— ASSIGNED TASK —
Return, word for word, the lines of the listing below from the one with "#183=IFCBEAMTYPE('0000000000000000000021',$,'FLOOR BEAM HEB" through the one with "#191=IFCMATERIAL('Steel S460',$,'steel');", and no other lines.

╭─ AVAILABLE DATA

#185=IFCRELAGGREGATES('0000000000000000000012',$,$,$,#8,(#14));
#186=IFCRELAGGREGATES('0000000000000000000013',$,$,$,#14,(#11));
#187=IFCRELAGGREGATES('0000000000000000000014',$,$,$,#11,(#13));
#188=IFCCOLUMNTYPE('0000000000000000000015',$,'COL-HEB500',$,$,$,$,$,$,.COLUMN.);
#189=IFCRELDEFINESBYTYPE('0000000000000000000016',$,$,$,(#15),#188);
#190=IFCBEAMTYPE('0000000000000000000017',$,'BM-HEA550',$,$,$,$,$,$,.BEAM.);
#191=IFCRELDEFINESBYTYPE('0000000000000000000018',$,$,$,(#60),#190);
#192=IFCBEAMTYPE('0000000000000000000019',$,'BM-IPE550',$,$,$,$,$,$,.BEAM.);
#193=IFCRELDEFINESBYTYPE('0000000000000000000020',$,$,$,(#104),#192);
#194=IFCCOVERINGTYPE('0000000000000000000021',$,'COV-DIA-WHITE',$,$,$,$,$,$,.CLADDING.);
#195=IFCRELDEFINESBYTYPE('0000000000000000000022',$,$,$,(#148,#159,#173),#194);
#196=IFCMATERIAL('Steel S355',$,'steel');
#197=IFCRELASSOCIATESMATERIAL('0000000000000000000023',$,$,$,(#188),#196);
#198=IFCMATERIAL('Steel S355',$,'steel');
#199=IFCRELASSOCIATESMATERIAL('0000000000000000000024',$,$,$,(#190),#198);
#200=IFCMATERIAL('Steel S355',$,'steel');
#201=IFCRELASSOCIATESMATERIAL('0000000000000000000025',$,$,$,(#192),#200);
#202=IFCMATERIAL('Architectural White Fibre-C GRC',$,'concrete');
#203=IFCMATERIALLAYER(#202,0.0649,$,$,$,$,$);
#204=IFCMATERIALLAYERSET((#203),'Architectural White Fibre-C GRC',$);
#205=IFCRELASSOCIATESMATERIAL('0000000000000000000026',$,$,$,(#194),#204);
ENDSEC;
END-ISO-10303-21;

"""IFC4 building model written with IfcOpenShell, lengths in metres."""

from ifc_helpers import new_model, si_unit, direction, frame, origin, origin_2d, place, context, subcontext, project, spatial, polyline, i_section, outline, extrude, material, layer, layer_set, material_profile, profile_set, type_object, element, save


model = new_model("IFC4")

╰─
╭─ AVAILABLE DATA

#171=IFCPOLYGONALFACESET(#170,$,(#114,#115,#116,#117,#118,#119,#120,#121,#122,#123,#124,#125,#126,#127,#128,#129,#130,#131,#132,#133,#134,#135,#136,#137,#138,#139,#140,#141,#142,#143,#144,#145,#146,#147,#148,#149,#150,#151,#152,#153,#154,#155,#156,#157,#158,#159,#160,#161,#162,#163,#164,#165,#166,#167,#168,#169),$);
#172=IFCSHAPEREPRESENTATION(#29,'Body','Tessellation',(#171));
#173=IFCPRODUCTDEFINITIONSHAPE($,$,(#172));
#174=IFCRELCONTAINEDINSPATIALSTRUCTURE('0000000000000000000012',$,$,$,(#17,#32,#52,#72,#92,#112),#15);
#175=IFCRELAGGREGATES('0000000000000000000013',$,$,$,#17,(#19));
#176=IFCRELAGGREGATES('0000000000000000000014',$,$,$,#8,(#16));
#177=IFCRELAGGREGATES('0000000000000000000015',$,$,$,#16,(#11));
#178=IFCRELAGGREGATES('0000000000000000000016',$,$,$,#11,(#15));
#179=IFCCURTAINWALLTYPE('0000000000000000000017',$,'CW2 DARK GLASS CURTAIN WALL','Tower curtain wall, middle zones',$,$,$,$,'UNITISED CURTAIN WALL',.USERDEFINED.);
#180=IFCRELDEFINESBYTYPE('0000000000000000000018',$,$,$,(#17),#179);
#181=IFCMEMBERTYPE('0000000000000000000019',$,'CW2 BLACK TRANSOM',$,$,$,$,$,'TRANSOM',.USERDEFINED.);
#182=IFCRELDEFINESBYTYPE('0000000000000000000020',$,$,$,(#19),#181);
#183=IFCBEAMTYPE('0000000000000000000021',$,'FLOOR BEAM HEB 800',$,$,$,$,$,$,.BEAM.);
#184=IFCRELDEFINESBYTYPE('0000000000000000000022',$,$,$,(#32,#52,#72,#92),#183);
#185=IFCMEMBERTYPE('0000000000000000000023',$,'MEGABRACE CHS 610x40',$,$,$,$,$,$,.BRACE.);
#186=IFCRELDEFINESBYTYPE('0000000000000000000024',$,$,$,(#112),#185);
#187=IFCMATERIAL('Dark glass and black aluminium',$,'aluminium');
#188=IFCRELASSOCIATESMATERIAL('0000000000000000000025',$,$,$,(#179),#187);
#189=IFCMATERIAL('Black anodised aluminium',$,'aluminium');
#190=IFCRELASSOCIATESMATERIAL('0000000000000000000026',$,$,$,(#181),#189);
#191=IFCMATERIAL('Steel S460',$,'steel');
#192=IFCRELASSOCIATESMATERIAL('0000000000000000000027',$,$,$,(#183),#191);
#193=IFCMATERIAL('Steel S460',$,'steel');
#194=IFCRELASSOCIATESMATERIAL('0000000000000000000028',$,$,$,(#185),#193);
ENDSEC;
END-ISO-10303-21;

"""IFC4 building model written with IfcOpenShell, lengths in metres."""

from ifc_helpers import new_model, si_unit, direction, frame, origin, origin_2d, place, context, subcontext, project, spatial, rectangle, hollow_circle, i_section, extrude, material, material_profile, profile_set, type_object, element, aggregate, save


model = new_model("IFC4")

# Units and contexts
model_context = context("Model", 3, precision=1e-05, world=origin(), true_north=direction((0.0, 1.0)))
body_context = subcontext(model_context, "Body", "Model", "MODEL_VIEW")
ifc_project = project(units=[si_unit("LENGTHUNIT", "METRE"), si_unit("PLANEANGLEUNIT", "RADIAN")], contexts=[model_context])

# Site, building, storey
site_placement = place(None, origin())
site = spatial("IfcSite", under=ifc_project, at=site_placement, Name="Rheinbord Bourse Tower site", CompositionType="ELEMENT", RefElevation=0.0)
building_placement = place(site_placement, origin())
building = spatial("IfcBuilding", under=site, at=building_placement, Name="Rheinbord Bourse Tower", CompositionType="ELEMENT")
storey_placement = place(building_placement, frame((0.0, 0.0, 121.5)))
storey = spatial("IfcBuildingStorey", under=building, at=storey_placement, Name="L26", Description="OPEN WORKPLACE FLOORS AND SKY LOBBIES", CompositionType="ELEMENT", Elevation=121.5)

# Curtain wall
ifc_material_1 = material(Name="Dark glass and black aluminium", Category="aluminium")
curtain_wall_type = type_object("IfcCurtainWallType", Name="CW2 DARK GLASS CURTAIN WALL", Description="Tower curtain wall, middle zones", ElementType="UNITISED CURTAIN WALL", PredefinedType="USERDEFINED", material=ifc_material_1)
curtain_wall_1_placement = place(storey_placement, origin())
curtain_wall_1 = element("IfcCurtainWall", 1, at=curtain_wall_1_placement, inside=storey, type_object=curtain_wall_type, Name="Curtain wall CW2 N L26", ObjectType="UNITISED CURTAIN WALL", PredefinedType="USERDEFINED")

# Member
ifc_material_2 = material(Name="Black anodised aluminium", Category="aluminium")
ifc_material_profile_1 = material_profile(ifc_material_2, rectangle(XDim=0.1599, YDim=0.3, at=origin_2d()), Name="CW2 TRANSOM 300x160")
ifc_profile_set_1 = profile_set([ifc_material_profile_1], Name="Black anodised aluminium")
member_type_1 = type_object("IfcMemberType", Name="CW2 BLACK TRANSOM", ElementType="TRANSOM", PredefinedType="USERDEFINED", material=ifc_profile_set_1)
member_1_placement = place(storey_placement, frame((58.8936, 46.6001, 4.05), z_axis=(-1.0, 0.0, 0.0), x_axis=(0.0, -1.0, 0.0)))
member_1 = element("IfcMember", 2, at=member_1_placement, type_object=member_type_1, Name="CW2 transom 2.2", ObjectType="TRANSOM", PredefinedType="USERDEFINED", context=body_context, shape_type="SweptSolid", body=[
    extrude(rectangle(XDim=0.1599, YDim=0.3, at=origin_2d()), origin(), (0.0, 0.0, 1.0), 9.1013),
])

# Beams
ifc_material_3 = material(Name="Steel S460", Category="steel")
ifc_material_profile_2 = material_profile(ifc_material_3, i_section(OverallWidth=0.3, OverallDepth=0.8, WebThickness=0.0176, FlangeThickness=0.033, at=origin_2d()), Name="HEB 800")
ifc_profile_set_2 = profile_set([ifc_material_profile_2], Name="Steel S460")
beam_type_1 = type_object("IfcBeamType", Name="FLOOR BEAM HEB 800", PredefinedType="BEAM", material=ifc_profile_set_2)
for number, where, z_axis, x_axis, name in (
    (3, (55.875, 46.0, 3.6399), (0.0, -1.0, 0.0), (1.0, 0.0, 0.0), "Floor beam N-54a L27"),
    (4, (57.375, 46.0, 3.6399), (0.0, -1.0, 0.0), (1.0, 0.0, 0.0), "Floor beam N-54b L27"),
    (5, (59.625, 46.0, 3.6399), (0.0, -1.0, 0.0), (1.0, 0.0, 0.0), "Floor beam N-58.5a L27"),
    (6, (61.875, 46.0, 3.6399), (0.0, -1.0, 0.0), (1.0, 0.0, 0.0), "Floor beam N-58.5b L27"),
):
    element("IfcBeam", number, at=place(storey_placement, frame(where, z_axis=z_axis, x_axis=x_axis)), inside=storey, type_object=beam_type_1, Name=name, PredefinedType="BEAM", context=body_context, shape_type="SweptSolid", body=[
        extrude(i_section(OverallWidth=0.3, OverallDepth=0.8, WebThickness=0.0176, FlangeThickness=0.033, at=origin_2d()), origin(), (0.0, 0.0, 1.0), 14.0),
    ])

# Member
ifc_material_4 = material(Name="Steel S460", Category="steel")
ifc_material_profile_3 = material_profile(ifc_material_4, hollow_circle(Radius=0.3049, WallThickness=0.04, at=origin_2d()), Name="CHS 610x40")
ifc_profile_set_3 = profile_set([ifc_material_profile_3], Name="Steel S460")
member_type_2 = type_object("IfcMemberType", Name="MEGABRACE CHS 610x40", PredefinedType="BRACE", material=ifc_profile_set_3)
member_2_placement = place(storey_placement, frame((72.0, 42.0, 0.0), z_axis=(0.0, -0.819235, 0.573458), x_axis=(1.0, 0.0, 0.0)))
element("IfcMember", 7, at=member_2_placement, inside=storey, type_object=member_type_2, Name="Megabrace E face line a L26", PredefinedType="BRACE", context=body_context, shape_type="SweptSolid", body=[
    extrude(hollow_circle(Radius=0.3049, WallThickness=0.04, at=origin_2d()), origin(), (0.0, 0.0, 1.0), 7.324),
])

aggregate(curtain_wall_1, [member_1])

╰─

— TASK RESULT —
#183=IFCBEAMTYPE('0000000000000000000021',$,'FLOOR BEAM HEB 800',$,$,$,$,$,$,.BEAM.);
#184=IFCRELDEFINESBYTYPE('0000000000000000000022',$,$,$,(#32,#52,#72,#92),#183);
#185=IFCMEMBERTYPE('0000000000000000000023',$,'MEGABRACE CHS 610x40',$,$,$,$,$,$,.BRACE.);
#186=IFCRELDEFINESBYTYPE('0000000000000000000024',$,$,$,(#112),#185);
#187=IFCMATERIAL('Dark glass and black aluminium',$,'aluminium');
#188=IFCRELASSOCIATESMATERIAL('0000000000000000000025',$,$,$,(#179),#187);
#189=IFCMATERIAL('Black anodised aluminium',$,'aluminium');
#190=IFCRELASSOCIATESMATERIAL('0000000000000000000026',$,$,$,(#181),#189);
#191=IFCMATERIAL('Steel S460',$,'steel');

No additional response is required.